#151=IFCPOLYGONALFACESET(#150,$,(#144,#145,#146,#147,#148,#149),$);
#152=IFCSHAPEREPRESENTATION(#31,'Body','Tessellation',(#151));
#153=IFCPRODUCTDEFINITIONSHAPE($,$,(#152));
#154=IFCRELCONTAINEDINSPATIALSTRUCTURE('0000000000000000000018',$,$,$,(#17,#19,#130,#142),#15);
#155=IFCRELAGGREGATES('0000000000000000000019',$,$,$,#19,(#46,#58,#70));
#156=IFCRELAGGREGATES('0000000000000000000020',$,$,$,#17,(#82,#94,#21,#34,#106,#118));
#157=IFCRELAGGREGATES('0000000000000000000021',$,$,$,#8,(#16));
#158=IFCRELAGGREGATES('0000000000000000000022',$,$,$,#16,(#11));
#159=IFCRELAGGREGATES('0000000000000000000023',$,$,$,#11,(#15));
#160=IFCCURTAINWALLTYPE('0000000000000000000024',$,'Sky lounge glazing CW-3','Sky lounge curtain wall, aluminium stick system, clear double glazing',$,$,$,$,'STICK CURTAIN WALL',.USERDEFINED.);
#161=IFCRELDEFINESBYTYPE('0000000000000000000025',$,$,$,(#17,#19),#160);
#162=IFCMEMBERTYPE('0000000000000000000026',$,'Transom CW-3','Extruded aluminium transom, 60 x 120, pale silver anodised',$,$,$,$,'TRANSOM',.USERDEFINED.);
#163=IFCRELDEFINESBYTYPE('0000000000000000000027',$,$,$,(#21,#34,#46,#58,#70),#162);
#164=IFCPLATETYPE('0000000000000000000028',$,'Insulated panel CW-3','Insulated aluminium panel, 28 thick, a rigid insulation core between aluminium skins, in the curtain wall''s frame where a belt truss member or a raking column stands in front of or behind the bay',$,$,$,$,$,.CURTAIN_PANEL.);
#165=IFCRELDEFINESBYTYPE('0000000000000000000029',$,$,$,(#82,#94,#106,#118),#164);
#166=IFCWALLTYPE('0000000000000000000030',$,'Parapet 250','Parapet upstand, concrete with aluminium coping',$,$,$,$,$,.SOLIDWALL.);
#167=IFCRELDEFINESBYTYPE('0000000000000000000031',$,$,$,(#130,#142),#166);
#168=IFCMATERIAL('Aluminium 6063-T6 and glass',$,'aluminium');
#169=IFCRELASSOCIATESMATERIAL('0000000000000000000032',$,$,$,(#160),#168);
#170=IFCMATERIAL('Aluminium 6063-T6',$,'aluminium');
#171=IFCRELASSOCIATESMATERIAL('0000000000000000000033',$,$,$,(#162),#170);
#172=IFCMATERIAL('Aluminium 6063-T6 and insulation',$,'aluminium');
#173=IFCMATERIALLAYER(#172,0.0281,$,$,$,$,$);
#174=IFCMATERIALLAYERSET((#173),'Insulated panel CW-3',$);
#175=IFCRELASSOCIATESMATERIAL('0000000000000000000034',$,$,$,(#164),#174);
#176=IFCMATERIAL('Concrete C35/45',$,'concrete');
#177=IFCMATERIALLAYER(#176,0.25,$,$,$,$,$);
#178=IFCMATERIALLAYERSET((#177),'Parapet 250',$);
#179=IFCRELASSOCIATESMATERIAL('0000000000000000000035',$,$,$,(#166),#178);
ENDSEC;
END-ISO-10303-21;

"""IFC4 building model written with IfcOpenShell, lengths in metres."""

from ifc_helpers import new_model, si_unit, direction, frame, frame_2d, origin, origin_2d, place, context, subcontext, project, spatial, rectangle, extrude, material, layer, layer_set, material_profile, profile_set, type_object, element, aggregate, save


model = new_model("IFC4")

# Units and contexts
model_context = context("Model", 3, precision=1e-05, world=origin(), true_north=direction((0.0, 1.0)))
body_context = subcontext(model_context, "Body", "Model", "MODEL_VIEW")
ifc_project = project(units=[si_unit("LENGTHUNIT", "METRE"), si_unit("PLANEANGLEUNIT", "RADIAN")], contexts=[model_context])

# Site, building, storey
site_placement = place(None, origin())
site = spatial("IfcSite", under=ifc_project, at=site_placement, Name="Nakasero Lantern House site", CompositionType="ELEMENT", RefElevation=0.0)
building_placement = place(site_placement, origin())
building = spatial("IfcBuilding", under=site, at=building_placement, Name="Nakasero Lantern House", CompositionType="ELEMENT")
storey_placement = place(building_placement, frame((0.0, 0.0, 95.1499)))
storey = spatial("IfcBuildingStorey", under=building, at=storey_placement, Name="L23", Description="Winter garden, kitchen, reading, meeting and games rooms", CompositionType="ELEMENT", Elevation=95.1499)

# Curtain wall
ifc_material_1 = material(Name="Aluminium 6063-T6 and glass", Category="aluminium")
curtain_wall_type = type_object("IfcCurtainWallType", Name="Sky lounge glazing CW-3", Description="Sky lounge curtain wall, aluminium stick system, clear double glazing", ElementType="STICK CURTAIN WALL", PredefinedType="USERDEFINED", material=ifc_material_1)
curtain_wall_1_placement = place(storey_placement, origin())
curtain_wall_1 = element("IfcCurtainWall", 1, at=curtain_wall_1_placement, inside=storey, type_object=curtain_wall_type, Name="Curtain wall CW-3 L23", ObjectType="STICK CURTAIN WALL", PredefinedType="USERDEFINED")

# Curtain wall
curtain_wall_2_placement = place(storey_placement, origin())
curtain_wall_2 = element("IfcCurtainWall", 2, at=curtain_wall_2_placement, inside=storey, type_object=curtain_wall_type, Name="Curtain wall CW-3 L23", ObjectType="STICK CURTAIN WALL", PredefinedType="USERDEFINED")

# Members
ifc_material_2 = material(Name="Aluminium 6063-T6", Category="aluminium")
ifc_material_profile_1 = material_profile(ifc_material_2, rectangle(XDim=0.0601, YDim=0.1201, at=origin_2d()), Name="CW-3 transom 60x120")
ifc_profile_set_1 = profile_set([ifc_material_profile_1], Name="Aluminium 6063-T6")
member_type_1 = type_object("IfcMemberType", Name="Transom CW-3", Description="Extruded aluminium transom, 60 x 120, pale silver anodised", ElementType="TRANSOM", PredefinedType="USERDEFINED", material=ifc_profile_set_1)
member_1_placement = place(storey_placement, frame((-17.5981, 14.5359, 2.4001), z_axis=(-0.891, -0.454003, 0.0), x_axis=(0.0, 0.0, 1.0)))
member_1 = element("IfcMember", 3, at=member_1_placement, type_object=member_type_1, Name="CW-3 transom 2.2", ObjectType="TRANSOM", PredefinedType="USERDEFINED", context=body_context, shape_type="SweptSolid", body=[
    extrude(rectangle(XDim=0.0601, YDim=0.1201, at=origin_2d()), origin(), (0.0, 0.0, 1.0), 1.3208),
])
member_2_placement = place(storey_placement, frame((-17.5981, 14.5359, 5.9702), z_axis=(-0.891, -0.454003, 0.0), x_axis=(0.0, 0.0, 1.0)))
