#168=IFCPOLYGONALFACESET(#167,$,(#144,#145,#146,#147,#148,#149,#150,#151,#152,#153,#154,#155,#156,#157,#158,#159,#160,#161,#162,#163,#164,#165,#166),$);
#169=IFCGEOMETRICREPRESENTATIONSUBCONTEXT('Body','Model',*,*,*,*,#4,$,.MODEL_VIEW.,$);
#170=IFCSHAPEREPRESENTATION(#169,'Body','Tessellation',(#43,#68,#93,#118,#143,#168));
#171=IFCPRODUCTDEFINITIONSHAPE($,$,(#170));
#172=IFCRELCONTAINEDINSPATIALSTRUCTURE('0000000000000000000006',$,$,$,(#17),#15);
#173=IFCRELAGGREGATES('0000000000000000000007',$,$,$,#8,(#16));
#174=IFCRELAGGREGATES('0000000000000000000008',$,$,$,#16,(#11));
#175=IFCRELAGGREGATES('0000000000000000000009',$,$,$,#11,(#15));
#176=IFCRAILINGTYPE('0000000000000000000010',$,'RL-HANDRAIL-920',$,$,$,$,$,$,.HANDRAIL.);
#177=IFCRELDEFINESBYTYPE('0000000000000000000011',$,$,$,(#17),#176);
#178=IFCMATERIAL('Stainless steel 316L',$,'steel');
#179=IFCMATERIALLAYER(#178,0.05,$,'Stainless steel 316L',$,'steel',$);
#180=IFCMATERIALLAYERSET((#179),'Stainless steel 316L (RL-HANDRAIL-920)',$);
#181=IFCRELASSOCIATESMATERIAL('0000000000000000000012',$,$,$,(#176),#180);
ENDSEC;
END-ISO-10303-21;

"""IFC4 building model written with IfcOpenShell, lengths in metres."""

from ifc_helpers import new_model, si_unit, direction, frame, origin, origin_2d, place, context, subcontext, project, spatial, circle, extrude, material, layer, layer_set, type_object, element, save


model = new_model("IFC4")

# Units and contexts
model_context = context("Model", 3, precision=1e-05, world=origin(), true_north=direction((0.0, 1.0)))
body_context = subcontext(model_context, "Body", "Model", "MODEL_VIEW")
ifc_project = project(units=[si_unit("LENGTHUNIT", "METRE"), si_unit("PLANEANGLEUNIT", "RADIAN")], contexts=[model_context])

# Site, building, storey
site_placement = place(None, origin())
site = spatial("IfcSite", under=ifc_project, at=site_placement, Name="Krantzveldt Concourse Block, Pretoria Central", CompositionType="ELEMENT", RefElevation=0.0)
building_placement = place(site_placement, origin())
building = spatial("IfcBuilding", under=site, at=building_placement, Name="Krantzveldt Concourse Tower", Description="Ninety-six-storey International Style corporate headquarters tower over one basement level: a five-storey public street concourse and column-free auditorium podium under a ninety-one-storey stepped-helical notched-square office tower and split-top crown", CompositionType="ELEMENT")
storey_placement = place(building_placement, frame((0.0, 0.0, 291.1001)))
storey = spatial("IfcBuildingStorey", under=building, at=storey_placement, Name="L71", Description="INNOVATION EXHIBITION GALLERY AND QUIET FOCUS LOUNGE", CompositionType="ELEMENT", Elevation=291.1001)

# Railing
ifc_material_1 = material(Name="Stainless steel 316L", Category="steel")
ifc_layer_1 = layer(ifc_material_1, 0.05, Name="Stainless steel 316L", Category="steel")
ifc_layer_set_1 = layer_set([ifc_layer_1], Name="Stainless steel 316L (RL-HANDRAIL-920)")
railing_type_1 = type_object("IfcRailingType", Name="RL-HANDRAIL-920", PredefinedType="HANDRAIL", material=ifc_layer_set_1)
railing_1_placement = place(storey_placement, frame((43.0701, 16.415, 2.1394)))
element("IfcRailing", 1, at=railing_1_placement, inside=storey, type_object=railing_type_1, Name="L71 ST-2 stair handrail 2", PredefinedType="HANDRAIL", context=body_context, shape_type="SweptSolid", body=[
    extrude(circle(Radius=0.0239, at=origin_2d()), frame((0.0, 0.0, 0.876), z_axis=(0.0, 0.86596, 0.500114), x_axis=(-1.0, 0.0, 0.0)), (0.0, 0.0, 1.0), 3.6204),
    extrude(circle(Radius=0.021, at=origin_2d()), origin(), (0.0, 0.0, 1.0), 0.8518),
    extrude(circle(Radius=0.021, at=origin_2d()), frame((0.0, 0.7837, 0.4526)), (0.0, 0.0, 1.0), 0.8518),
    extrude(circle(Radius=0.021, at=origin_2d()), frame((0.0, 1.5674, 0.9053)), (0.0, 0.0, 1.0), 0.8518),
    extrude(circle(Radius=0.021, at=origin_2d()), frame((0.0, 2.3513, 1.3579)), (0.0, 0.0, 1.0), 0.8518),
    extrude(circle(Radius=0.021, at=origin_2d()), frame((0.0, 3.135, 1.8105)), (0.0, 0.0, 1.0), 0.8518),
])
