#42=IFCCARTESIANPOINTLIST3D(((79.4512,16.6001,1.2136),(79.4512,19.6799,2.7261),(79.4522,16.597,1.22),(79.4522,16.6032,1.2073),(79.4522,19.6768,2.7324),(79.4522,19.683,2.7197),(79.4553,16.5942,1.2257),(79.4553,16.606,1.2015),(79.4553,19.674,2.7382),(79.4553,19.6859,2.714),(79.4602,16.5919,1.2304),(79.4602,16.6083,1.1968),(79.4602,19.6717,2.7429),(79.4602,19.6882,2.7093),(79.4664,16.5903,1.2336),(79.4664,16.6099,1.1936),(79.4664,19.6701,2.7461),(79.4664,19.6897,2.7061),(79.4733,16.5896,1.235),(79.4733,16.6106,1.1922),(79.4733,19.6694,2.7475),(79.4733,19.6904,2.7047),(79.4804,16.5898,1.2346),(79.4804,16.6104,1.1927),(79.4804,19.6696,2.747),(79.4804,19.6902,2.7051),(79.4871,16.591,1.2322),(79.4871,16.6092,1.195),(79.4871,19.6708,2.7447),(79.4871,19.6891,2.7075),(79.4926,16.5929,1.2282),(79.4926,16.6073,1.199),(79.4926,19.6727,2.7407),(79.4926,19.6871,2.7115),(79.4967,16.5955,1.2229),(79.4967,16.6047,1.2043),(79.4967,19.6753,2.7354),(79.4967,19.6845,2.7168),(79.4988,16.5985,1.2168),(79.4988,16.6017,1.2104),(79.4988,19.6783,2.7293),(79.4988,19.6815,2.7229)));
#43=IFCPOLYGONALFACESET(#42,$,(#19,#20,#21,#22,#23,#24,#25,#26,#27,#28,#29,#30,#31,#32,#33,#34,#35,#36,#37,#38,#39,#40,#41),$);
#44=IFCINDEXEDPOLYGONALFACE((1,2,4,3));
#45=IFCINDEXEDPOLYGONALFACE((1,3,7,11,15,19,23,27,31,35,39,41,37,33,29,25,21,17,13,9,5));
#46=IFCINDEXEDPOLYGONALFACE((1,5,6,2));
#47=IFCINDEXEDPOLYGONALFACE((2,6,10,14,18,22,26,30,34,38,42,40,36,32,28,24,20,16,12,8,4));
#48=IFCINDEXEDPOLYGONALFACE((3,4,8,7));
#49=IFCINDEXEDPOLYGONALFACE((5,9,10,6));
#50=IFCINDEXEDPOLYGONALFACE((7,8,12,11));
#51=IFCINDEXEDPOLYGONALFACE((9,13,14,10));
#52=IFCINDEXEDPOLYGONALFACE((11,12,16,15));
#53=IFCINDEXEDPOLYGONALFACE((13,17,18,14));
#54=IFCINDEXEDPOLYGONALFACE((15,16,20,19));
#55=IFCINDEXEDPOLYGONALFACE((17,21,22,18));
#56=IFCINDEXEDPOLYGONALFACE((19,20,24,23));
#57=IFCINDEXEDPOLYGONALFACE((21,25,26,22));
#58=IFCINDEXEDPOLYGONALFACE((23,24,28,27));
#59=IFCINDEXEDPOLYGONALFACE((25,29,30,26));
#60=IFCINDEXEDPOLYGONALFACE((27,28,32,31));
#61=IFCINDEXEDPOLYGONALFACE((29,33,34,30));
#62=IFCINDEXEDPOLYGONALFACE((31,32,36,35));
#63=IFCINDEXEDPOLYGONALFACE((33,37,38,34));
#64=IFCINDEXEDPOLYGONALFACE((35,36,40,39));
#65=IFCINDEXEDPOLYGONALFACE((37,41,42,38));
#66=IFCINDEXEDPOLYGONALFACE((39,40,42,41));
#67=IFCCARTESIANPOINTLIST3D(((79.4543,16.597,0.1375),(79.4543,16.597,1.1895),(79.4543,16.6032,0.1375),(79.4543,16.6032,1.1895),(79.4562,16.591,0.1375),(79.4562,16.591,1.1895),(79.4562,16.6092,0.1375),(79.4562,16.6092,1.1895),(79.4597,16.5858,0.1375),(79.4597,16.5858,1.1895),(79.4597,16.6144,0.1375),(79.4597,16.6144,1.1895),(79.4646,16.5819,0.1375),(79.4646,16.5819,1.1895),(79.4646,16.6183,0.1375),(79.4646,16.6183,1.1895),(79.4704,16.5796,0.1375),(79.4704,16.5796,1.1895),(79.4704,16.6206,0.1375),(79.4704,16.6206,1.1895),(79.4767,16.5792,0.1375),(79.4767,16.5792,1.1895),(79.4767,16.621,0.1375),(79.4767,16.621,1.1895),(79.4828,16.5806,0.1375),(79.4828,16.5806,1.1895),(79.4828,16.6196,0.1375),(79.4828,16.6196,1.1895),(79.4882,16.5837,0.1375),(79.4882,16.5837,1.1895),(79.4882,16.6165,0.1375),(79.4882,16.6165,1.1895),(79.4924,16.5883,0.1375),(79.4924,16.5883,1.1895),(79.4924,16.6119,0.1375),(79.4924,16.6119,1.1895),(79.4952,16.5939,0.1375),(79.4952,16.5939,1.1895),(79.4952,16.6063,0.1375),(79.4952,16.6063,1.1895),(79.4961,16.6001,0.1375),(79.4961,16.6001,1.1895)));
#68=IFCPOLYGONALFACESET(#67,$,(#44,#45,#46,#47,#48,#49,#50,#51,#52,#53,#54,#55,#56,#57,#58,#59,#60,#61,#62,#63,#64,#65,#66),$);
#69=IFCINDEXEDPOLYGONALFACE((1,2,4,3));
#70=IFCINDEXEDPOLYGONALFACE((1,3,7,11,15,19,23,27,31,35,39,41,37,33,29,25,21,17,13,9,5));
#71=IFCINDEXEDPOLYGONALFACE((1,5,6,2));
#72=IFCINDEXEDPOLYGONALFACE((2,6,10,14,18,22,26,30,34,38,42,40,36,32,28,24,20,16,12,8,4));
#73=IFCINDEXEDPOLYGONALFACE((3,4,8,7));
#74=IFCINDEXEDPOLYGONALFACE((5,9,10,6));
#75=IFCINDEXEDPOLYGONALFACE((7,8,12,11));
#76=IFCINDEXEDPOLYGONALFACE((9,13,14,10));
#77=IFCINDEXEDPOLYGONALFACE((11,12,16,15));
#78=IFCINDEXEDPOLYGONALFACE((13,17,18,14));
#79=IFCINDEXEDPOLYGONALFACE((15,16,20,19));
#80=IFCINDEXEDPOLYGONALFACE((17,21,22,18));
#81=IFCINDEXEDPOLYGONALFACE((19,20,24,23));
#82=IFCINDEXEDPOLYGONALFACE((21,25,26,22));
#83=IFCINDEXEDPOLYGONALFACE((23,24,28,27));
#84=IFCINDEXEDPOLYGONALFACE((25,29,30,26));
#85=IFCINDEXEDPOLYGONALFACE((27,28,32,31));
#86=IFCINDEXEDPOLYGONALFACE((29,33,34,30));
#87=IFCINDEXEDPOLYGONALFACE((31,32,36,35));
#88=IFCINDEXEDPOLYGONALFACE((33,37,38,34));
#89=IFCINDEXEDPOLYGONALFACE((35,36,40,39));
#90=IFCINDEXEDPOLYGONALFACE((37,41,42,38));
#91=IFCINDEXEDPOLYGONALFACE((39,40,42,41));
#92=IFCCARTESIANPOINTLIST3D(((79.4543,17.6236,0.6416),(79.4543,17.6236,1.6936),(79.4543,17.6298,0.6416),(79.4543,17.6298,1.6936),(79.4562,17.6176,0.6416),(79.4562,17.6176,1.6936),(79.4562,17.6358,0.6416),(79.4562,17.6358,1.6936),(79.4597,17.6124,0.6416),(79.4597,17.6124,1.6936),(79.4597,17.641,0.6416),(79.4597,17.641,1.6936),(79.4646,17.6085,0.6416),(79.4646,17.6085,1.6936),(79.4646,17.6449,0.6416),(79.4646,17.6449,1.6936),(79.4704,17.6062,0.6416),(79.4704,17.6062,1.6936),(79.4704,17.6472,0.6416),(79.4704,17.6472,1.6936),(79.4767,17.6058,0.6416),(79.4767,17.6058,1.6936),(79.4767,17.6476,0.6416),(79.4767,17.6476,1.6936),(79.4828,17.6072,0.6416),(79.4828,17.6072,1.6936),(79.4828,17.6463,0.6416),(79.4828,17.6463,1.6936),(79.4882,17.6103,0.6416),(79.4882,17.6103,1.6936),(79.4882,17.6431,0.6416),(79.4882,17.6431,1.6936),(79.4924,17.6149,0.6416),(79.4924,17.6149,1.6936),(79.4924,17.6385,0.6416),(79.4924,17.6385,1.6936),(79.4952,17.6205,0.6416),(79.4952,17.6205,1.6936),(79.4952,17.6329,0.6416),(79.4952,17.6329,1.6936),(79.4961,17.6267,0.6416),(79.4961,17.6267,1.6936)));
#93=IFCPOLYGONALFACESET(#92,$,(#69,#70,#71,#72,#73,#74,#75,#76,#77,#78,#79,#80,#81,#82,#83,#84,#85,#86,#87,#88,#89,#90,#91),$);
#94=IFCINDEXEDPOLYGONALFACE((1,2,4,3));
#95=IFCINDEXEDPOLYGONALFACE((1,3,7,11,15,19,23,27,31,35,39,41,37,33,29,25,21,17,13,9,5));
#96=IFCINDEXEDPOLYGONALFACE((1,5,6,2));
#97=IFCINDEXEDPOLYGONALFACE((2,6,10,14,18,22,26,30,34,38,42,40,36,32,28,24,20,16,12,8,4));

TRY IT:
Every line from the top of the material above through the line holding "#159=IFCRELAGGREGATES('0000000000000000000023',$,$,$,#11,(#15));" should be reproduced word for word, and nothing beyond it.

ANSWER TO THIS EXERCISE:
#151=IFCPOLYGONALFACESET(#150,$,(#144,#145,#146,#147,#148,#149),$);
#152=IFCSHAPEREPRESENTATION(#31,'Body','Tessellation',(#151));
#153=IFCPRODUCTDEFINITIONSHAPE($,$,(#152));
#154=IFCRELCONTAINEDINSPATIALSTRUCTURE('0000000000000000000018',$,$,$,(#17,#19,#130,#142),#15);
#155=IFCRELAGGREGATES('0000000000000000000019',$,$,$,#19,(#46,#58,#70));
#156=IFCRELAGGREGATES('0000000000000000000020',$,$,$,#17,(#82,#94,#21,#34,#106,#118));
#157=IFCRELAGGREGATES('0000000000000000000021',$,$,$,#8,(#16));
#158=IFCRELAGGREGATES('0000000000000000000022',$,$,$,#16,(#11));
#159=IFCRELAGGREGATES('0000000000000000000023',$,$,$,#11,(#15));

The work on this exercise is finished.